Stored items

========================================

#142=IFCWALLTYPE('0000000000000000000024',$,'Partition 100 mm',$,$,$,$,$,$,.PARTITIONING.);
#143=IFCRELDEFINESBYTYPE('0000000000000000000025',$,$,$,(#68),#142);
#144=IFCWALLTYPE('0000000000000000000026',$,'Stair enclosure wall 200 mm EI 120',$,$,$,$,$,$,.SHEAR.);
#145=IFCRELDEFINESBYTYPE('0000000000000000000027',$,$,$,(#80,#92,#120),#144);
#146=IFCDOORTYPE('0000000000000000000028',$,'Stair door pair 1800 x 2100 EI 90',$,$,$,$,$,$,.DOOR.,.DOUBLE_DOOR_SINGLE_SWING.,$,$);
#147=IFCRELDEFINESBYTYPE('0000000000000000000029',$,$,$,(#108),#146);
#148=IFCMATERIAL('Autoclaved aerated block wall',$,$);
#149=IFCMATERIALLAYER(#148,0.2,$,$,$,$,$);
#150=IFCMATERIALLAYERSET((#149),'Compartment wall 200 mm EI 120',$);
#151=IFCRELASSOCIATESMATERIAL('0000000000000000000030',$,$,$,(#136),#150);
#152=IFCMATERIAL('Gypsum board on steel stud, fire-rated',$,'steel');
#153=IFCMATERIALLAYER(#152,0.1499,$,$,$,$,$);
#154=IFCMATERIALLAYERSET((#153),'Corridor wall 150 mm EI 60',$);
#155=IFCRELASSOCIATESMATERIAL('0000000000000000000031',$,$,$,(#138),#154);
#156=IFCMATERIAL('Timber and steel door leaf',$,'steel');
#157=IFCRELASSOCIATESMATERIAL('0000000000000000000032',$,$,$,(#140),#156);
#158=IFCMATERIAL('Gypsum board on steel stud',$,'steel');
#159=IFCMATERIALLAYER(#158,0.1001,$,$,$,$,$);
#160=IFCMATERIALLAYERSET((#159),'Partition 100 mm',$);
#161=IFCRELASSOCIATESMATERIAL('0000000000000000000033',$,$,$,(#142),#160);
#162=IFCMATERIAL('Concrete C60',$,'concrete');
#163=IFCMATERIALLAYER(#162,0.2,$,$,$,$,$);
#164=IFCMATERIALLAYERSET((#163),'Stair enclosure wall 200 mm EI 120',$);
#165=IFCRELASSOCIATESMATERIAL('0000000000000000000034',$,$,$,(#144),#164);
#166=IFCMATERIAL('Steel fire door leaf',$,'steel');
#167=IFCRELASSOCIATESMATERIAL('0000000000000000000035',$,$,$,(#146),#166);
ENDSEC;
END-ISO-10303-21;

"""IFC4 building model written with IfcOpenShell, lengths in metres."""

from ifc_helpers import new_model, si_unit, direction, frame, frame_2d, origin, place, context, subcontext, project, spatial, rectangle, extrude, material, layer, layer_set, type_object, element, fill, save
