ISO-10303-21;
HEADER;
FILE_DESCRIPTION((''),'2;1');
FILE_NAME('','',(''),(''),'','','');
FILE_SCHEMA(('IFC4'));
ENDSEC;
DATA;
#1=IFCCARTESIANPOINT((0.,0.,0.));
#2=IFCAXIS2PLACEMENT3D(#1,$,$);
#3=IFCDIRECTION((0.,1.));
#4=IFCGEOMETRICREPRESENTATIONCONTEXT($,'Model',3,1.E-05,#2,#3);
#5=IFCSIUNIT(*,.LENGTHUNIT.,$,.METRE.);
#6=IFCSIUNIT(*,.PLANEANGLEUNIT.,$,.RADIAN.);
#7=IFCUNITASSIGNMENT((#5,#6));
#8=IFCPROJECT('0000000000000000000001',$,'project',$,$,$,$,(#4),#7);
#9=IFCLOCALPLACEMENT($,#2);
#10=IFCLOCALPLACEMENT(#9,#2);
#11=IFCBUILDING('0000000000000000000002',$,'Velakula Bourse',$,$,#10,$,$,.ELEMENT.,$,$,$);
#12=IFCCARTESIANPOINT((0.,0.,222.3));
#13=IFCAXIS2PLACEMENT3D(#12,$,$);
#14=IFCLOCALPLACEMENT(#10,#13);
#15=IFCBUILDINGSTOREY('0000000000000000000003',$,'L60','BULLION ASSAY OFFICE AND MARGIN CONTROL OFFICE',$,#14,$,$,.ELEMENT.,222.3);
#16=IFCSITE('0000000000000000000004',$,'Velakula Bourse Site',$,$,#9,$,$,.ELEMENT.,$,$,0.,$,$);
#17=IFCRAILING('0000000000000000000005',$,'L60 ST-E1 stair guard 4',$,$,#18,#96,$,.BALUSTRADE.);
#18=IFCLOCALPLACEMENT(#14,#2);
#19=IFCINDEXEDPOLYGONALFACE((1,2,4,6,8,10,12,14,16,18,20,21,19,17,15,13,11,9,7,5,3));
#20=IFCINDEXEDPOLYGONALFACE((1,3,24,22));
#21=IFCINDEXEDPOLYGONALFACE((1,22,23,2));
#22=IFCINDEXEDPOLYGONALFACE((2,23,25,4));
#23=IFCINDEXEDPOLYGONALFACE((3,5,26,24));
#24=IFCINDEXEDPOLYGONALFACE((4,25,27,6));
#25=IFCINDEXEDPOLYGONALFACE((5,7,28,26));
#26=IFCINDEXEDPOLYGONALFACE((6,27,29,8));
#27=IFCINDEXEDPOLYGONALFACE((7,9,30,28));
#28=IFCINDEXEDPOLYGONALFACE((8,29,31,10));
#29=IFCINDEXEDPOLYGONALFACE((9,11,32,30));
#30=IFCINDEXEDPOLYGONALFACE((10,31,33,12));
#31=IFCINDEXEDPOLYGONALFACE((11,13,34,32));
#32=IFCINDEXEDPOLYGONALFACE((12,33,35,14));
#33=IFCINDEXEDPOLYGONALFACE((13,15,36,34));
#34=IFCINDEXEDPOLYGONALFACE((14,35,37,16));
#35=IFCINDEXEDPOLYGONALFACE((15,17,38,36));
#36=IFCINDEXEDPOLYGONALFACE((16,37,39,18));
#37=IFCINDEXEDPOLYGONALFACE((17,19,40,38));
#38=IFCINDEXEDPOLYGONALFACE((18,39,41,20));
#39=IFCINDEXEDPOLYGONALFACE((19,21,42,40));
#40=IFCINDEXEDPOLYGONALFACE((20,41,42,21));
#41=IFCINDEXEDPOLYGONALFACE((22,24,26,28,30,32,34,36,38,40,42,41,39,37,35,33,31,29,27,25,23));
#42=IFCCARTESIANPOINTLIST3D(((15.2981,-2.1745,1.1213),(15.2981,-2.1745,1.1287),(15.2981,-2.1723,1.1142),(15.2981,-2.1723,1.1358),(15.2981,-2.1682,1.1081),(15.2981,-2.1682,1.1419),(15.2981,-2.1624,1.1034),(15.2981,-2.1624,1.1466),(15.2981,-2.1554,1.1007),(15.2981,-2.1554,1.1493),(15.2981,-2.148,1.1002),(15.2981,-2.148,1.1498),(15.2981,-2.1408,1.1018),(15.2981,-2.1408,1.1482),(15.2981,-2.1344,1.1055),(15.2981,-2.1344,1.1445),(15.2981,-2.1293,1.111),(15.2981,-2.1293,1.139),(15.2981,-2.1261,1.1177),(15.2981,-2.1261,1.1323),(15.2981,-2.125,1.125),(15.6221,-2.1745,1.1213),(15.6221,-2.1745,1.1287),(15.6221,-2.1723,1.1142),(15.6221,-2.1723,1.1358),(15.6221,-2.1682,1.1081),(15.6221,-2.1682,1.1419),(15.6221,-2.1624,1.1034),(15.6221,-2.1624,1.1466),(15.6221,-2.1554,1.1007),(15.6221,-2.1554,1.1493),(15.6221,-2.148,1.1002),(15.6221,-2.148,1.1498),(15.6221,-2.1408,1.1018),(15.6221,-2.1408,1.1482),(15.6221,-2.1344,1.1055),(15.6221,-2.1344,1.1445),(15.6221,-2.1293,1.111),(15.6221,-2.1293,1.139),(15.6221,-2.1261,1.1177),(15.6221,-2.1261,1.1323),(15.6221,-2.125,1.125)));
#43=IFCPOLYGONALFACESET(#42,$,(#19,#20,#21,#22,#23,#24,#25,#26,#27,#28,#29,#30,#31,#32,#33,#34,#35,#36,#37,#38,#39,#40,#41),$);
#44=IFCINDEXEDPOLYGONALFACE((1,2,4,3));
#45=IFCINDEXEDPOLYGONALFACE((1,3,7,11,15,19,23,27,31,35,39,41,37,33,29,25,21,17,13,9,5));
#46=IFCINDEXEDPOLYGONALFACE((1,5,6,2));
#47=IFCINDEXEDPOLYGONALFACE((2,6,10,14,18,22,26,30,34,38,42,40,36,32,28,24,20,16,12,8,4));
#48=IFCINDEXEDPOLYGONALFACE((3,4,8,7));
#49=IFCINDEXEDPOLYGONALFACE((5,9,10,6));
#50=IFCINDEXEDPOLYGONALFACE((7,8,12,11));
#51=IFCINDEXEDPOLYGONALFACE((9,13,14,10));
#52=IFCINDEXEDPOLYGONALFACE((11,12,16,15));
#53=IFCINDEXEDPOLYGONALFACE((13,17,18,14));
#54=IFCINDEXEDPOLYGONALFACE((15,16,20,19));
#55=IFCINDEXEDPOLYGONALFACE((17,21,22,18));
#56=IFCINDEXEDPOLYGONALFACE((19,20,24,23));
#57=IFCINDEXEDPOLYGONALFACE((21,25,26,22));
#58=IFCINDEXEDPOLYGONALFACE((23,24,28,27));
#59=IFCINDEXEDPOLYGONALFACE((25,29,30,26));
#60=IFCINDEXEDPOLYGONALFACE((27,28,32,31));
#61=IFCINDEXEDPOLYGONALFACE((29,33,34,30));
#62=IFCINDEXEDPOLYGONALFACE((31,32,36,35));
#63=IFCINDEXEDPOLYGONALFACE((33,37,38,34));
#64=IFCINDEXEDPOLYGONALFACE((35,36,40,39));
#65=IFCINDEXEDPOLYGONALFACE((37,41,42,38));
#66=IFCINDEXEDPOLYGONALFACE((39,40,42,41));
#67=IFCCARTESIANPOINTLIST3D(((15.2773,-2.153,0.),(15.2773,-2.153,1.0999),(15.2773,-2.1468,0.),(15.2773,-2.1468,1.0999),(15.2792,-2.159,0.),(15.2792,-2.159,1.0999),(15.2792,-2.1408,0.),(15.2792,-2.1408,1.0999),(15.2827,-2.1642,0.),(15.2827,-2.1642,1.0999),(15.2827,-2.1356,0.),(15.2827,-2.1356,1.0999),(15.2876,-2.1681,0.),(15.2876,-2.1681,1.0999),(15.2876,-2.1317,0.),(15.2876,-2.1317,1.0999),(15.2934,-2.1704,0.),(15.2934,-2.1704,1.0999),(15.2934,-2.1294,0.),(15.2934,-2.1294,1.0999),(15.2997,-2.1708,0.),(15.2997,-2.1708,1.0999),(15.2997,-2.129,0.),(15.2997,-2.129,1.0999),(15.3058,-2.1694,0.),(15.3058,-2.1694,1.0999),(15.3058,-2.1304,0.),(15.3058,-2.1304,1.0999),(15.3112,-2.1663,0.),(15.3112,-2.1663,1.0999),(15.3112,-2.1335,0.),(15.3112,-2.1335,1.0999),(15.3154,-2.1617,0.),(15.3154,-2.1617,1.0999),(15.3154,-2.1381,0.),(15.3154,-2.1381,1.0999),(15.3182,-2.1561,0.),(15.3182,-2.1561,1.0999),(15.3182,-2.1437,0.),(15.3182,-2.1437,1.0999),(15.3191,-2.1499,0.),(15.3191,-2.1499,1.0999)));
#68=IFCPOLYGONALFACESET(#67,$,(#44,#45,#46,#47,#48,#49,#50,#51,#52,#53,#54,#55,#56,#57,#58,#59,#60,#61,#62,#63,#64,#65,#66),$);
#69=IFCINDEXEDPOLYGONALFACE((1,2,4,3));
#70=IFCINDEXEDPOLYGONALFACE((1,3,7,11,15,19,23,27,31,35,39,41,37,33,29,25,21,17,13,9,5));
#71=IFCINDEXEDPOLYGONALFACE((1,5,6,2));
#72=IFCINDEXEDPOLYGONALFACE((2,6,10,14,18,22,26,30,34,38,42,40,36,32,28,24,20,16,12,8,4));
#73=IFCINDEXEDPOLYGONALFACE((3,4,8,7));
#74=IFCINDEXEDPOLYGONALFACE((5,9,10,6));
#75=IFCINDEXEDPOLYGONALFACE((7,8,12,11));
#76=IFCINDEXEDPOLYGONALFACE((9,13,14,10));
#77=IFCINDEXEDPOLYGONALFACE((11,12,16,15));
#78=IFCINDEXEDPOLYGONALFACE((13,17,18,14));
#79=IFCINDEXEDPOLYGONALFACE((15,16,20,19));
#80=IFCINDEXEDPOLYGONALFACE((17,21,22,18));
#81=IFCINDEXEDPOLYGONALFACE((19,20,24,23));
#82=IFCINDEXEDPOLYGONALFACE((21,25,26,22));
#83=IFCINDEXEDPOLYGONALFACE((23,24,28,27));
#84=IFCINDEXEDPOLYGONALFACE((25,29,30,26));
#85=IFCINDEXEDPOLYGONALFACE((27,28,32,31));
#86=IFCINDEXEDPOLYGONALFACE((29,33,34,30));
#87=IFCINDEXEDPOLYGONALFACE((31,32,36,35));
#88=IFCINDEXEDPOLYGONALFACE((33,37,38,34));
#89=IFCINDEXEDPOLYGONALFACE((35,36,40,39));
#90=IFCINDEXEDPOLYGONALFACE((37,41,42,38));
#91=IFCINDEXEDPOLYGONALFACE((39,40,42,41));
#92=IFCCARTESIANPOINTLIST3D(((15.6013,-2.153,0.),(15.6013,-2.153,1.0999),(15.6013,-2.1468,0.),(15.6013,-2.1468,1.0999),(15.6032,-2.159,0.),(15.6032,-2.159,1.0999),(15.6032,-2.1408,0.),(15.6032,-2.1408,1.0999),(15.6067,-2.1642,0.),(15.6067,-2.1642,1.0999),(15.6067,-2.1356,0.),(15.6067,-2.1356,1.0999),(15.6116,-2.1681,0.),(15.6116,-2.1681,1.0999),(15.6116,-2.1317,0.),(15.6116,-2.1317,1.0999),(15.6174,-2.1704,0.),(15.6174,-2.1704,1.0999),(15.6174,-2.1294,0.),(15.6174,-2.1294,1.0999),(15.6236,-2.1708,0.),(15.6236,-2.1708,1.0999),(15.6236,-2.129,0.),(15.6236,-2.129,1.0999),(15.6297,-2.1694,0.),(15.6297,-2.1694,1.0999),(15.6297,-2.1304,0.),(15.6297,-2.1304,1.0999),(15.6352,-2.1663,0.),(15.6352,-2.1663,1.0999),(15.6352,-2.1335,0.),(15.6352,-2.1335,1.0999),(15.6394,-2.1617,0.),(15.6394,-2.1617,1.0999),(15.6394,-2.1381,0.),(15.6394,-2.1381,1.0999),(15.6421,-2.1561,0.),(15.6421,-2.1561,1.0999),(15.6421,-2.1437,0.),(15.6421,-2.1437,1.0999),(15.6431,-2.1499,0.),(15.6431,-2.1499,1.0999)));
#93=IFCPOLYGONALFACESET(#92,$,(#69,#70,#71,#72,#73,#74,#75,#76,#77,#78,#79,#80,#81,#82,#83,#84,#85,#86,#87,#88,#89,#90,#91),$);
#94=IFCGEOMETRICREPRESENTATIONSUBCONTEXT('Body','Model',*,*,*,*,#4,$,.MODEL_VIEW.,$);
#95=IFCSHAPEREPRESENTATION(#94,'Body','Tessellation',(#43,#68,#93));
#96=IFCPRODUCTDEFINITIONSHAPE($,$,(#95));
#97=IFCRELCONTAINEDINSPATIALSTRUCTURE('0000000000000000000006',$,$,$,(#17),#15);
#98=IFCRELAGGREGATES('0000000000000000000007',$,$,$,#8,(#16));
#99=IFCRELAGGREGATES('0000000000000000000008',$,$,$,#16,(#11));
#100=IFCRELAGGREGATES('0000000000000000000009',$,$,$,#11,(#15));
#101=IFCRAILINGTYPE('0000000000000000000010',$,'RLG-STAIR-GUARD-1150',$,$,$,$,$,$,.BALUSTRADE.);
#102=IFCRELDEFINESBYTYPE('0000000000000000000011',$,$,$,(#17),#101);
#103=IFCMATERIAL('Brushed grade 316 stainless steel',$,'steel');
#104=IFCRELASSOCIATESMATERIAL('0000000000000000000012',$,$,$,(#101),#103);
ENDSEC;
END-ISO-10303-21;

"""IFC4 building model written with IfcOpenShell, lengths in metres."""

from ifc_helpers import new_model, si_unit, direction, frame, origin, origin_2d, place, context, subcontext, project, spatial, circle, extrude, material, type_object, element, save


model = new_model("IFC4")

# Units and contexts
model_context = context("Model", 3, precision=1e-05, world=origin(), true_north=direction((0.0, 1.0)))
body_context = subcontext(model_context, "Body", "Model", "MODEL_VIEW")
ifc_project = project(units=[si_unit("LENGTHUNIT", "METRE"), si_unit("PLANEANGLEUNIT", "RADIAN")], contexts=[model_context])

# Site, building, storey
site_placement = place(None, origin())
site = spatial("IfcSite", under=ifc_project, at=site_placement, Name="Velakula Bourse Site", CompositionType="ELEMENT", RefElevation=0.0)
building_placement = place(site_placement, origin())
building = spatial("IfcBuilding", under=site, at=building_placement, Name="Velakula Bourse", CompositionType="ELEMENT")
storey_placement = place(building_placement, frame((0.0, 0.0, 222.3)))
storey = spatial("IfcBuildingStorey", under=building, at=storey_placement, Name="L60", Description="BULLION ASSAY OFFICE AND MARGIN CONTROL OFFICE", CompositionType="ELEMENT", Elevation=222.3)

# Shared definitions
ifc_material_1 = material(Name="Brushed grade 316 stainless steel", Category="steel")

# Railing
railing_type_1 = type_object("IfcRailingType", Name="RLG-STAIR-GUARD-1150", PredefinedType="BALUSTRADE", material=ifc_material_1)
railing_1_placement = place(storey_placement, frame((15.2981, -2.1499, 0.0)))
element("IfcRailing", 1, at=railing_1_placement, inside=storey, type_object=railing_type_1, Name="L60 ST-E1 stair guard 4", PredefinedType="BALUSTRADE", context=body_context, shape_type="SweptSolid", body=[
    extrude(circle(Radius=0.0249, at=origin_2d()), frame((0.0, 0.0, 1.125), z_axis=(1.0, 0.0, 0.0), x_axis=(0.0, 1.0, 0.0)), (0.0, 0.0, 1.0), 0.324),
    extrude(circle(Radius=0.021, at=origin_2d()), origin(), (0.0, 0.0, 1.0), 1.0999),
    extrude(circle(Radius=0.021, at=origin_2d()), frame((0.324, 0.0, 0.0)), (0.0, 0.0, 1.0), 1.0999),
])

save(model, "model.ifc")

========================================

Write down again, exactly as given, only the lines above that fall from the line with "#36=IFCINDEXEDPOLYGONALFACE((16,37,39,18));" to the line with "#46=IFCINDEXEDPOLYGONALFACE((1,5,6,2));", inclusive.

#36=IFCINDEXEDPOLYGONALFACE((16,37,39,18));
#37=IFCINDEXEDPOLYGONALFACE((17,19,40,38));
#38=IFCINDEXEDPOLYGONALFACE((18,39,41,20));
#39=IFCINDEXEDPOLYGONALFACE((19,21,42,40));
#40=IFCINDEXEDPOLYGONALFACE((20,41,42,21));
#41=IFCINDEXEDPOLYGONALFACE((22,24,26,28,30,32,34,36,38,40,42,41,39,37,35,33,31,29,27,25,23));
#42=IFCCARTESIANPOINTLIST3D(((15.2981,-2.1745,1.1213),(15.2981,-2.1745,1.1287),(15.2981,-2.1723,1.1142),(15.2981,-2.1723,1.1358),(15.2981,-2.1682,1.1081),(15.2981,-2.1682,1.1419),(15.2981,-2.1624,1.1034),(15.2981,-2.1624,1.1466),(15.2981,-2.1554,1.1007),(15.2981,-2.1554,1.1493),(15.2981,-2.148,1.1002),(15.2981,-2.148,1.1498),(15.2981,-2.1408,1.1018),(15.2981,-2.1408,1.1482),(15.2981,-2.1344,1.1055),(15.2981,-2.1344,1.1445),(15.2981,-2.1293,1.111),(15.2981,-2.1293,1.139),(15.2981,-2.1261,1.1177),(15.2981,-2.1261,1.1323),(15.2981,-2.125,1.125),(15.6221,-2.1745,1.1213),(15.6221,-2.1745,1.1287),(15.6221,-2.1723,1.1142),(15.6221,-2.1723,1.1358),(15.6221,-2.1682,1.1081),(15.6221,-2.1682,1.1419),(15.6221,-2.1624,1.1034),(15.6221,-2.1624,1.1466),(15.6221,-2.1554,1.1007),(15.6221,-2.1554,1.1493),(15.6221,-2.148,1.1002),(15.6221,-2.148,1.1498),(15.6221,-2.1408,1.1018),(15.6221,-2.1408,1.1482),(15.6221,-2.1344,1.1055),(15.6221,-2.1344,1.1445),(15.6221,-2.1293,1.111),(15.6221,-2.1293,1.139),(15.6221,-2.1261,1.1177),(15.6221,-2.1261,1.1323),(15.6221,-2.125,1.125)));
#43=IFCPOLYGONALFACESET(#42,$,(#19,#20,#21,#22,#23,#24,#25,#26,#27,#28,#29,#30,#31,#32,#33,#34,#35,#36,#37,#38,#39,#40,#41),$);
#44=IFCINDEXEDPOLYGONALFACE((1,2,4,3));
#45=IFCINDEXEDPOLYGONALFACE((1,3,7,11,15,19,23,27,31,35,39,41,37,33,29,25,21,17,13,9,5));
#46=IFCINDEXEDPOLYGONALFACE((1,5,6,2));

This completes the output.